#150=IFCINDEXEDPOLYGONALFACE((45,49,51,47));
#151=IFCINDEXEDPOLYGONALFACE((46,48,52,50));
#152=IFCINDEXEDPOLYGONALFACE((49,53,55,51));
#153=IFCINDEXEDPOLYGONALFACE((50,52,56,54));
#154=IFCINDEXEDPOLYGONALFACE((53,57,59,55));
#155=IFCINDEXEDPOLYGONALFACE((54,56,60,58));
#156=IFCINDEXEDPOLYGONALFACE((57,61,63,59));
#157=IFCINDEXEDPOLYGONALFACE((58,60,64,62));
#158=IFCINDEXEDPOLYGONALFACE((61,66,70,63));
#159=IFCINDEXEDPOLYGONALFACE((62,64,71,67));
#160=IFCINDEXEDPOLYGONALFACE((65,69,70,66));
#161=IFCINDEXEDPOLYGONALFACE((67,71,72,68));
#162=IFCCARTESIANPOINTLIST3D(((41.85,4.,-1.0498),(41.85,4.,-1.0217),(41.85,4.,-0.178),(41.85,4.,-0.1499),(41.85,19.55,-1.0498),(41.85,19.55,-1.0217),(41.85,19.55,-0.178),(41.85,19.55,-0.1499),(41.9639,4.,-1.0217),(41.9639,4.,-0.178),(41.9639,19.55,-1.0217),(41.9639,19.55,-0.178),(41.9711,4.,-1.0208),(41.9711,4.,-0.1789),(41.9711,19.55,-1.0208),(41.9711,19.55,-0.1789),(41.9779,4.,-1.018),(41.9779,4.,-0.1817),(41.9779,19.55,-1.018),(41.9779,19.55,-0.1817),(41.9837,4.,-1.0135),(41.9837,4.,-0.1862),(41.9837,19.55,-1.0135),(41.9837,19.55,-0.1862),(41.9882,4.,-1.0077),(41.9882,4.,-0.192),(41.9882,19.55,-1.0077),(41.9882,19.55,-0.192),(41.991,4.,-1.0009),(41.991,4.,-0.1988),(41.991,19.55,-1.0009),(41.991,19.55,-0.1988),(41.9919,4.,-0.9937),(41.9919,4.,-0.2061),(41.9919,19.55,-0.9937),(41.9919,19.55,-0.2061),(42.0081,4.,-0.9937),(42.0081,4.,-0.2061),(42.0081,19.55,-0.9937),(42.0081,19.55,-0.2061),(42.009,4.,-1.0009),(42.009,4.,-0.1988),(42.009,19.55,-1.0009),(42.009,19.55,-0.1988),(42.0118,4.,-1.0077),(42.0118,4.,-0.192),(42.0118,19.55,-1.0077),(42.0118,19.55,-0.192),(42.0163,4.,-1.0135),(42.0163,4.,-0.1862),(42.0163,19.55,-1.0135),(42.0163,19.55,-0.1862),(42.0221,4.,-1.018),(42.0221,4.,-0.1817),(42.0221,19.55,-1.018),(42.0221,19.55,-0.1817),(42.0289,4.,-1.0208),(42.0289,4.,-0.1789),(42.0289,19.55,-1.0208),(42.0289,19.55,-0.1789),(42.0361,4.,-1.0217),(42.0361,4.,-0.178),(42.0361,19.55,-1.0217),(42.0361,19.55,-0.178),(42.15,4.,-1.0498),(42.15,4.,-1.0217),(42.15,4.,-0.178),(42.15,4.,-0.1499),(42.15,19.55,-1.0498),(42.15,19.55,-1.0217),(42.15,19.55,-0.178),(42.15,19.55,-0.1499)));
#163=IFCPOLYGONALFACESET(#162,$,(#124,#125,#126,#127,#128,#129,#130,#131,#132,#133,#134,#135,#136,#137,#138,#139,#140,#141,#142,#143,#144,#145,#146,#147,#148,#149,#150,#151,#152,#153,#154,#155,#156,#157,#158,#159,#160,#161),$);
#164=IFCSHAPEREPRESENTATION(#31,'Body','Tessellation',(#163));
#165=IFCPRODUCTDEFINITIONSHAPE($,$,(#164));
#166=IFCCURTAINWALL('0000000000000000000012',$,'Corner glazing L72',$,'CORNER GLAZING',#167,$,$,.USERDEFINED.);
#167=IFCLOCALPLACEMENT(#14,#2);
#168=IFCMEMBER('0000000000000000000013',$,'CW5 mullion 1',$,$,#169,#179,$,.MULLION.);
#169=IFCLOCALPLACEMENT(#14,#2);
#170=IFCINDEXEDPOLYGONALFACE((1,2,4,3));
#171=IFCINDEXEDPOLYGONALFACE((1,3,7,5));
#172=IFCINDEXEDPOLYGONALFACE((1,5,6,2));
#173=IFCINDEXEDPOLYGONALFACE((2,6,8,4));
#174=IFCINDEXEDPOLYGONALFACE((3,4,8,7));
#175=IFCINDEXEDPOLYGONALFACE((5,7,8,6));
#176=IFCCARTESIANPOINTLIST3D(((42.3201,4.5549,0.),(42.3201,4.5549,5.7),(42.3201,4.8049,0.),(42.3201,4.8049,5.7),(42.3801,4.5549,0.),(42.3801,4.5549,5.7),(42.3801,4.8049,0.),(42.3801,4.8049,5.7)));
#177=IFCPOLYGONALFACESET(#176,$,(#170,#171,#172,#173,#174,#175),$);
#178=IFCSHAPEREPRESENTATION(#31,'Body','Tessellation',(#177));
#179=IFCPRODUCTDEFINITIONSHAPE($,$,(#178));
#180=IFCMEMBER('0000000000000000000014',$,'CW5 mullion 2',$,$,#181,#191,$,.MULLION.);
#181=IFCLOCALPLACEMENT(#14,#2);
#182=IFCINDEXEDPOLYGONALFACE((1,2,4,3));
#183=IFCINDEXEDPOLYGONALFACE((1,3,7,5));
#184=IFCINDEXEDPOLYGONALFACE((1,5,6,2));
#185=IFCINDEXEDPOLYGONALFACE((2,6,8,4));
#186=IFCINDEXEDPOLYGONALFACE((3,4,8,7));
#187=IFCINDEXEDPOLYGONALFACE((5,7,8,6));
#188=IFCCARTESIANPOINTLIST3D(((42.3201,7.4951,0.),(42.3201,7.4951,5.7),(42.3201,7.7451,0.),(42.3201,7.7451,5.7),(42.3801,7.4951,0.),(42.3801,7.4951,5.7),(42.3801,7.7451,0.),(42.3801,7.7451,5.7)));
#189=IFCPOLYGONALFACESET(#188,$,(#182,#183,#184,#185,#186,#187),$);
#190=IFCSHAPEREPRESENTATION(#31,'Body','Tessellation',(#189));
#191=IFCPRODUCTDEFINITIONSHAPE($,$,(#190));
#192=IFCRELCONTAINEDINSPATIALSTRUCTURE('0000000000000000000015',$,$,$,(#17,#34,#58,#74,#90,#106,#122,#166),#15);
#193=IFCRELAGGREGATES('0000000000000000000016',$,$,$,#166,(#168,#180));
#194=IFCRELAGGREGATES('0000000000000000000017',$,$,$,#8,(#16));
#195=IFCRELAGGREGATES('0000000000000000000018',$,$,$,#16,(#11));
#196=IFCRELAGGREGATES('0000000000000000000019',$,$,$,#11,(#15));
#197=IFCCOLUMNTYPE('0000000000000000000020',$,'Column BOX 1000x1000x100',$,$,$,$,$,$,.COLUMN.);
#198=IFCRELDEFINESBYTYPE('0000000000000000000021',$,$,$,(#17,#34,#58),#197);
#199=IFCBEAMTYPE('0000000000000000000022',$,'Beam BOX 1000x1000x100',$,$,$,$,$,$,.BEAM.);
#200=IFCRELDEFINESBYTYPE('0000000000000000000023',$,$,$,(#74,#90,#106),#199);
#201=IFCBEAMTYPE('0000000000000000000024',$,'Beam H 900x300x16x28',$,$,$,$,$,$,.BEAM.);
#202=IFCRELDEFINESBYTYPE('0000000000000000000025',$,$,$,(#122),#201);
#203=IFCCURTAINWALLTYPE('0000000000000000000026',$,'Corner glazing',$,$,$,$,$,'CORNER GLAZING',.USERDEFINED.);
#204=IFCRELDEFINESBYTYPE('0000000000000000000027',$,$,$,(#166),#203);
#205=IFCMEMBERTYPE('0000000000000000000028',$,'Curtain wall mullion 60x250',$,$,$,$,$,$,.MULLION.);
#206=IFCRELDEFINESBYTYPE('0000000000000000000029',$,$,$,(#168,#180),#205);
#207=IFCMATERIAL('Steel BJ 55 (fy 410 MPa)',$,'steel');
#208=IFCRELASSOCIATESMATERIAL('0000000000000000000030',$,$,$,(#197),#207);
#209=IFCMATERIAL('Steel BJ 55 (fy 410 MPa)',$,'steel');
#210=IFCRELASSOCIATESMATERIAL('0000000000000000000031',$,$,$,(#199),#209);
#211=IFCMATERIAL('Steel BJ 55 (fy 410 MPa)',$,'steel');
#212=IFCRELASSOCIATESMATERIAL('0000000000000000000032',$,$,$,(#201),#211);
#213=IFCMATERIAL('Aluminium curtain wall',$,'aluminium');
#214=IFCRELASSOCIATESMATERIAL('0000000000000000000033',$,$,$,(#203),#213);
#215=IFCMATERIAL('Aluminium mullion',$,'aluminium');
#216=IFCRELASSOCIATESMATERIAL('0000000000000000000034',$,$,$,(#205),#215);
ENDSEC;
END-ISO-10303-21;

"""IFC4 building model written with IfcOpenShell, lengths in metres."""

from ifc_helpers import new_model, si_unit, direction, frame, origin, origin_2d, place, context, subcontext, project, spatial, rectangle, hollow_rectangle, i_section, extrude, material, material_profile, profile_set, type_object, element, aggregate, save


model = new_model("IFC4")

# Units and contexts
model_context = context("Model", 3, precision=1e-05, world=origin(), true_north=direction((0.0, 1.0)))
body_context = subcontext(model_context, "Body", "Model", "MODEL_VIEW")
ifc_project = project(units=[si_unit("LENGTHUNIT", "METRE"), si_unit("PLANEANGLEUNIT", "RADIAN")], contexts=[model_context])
------------------------
» **Exercise details**: Using the entries above, return each line in which the word "contexts" occurs.

» **Task solution**:
# Units and contexts
ifc_project = project(units=[si_unit("LENGTHUNIT", "METRE"), si_unit("PLANEANGLEUNIT", "RADIAN")], contexts=[model_context])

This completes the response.